• [Exercise requirements]
For the data below, restate word for word only the lines from the line containing "#14=IFCLOCALPLACEMENT(#10,#13);" through the line containing "AND PROJECT ROOM',$,#14,$,$,.ELEMENT.,105.);", both ends included.

• • •

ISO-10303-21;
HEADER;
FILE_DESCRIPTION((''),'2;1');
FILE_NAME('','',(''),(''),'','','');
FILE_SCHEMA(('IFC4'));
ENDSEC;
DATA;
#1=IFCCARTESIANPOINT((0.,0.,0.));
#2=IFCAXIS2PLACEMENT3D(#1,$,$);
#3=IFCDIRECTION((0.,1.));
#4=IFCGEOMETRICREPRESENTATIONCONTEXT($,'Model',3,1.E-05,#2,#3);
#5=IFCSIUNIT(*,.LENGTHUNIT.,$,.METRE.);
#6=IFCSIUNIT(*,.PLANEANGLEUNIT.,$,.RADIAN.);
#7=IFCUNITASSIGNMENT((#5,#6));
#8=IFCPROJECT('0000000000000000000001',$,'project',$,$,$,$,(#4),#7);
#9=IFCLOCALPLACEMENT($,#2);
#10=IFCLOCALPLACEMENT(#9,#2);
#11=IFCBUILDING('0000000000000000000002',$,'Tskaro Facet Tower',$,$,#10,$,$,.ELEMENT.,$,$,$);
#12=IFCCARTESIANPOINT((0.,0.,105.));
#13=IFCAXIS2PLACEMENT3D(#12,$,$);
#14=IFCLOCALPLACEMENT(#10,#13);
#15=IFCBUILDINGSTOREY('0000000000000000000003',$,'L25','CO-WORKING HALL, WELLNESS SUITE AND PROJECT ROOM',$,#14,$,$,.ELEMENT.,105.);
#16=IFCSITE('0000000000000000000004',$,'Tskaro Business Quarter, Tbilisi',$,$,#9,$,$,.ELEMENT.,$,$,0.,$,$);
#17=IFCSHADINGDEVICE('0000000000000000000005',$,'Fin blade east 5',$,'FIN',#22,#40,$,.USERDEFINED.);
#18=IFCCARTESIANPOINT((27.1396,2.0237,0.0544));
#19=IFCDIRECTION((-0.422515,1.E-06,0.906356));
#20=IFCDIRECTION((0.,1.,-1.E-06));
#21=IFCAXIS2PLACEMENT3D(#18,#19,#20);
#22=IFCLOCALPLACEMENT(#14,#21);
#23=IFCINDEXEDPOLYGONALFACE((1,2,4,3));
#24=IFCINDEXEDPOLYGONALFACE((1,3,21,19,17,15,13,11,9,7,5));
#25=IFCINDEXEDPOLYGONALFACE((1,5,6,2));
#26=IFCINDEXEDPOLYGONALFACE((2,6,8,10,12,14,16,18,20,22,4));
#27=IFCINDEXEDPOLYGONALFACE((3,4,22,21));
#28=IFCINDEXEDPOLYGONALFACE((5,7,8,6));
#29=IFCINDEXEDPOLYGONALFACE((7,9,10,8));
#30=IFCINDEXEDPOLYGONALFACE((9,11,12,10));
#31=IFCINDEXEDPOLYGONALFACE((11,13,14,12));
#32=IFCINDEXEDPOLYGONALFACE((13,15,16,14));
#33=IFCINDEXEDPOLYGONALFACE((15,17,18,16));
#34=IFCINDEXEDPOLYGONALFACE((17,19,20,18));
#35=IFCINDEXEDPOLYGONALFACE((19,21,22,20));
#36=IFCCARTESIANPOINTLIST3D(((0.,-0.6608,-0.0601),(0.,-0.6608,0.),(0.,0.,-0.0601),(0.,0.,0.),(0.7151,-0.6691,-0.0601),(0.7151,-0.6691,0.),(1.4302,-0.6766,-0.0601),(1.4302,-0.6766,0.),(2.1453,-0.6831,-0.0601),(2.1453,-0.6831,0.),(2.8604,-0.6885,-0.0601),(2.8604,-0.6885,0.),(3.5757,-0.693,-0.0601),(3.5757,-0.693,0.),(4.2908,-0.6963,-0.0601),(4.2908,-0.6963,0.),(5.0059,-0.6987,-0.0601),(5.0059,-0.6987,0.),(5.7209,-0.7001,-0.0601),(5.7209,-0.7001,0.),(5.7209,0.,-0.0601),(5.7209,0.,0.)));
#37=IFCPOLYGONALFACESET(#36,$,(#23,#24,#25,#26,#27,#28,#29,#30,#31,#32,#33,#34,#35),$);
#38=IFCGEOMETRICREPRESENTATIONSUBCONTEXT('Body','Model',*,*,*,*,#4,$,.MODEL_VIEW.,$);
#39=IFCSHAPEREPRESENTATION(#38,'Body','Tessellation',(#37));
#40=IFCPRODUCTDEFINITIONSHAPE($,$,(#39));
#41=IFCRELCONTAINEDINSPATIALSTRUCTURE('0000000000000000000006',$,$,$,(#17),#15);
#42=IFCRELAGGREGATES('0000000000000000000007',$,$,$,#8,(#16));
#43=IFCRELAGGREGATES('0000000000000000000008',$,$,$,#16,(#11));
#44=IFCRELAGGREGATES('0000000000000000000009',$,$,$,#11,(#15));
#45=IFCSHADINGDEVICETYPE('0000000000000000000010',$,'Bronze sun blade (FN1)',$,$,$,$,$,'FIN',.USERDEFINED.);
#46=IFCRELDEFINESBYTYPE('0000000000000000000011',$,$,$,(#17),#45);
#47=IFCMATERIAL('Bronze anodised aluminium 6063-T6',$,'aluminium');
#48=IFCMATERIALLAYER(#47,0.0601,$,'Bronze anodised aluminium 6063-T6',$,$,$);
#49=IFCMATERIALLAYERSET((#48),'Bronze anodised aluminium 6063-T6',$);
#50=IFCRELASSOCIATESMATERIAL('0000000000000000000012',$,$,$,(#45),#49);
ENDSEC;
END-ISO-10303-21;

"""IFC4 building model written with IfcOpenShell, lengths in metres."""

from ifc_helpers import new_model, si_unit, direction, frame, origin, place, context, subcontext, project, spatial, polyline, outline, extrude, material, layer, layer_set, type_object, element, save


model = new_model("IFC4")

# Units and contexts
model_context = context("Model", 3, precision=1e-05, world=origin(), true_north=direction((0.0, 1.0)))
body_context = subcontext(model_context, "Body", "Model", "MODEL_VIEW")
ifc_project = project(units=[si_unit("LENGTHUNIT", "METRE"), si_unit("PLANEANGLEUNIT", "RADIAN")], contexts=[model_context])

# Site, building, storey
site_placement = place(None, origin())
site = spatial("IfcSite", under=ifc_project, at=site_placement, Name="Tskaro Business Quarter, Tbilisi", CompositionType="ELEMENT", RefElevation=0.0)
building_placement = place(site_placement, origin())
building = spatial("IfcBuilding", under=site, at=building_placement, Name="Tskaro Facet Tower", CompositionType="ELEMENT")
storey_placement = place(building_placement, frame((0.0, 0.0, 105.0)))
storey = spatial("IfcBuildingStorey", under=building, at=storey_placement, Name="L25", Description="CO-WORKING HALL, WELLNESS SUITE AND PROJECT ROOM", CompositionType="ELEMENT", Elevation=105.0)

# Shared definitions
ifc_material_1 = material(Name="Bronze anodised aluminium 6063-T6", Category="aluminium")

# Shading device
ifc_layer_1 = layer(ifc_material_1, 0.0601, Name="Bronze anodised aluminium 6063-T6")
ifc_layer_set_1 = layer_set([ifc_layer_1], Name="Bronze anodised aluminium 6063-T6")
shading_device_type = type_object("IfcShadingDeviceType", Name="Bronze sun blade (FN1)", ElementType="FIN", PredefinedType="USERDEFINED", material=ifc_layer_set_1)
shading_device_1_placement = place(storey_placement, frame((27.1396, 2.0237, 0.0544), z_axis=(-0.422515, 0.000001, 0.906356), x_axis=(0.0, 1.0, -0.000001)))
element("IfcShadingDevice", 1, at=shading_device_1_placement, inside=storey, type_object=shading_device_type, Name="Fin blade east 5", ObjectType="FIN", PredefinedType="USERDEFINED", context=body_context, shape_type="SweptSolid", body=[
    extrude(outline(polyline([(0.0, 0.0), (5.7209, 0.0), (5.7209, -0.7001), (5.0059, -0.6987), (4.2908, -0.6963), (3.5757, -0.693), (2.8604, -0.6885), (2.1453, -0.6831), (1.4302, -0.6766), (0.7151, -0.6691), (0.0, -0.6608), (0.0, 0.0)])), origin(), (0.0, 0.0, -1.0), 0.0601),
])

save(model, "model.ifc")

• • •

• [Result below]
#14=IFCLOCALPLACEMENT(#10,#13);
#15=IFCBUILDINGSTOREY('0000000000000000000003',$,'L25','CO-WORKING HALL, WELLNESS SUITE AND PROJECT ROOM',$,#14,$,$,.ELEMENT.,105.);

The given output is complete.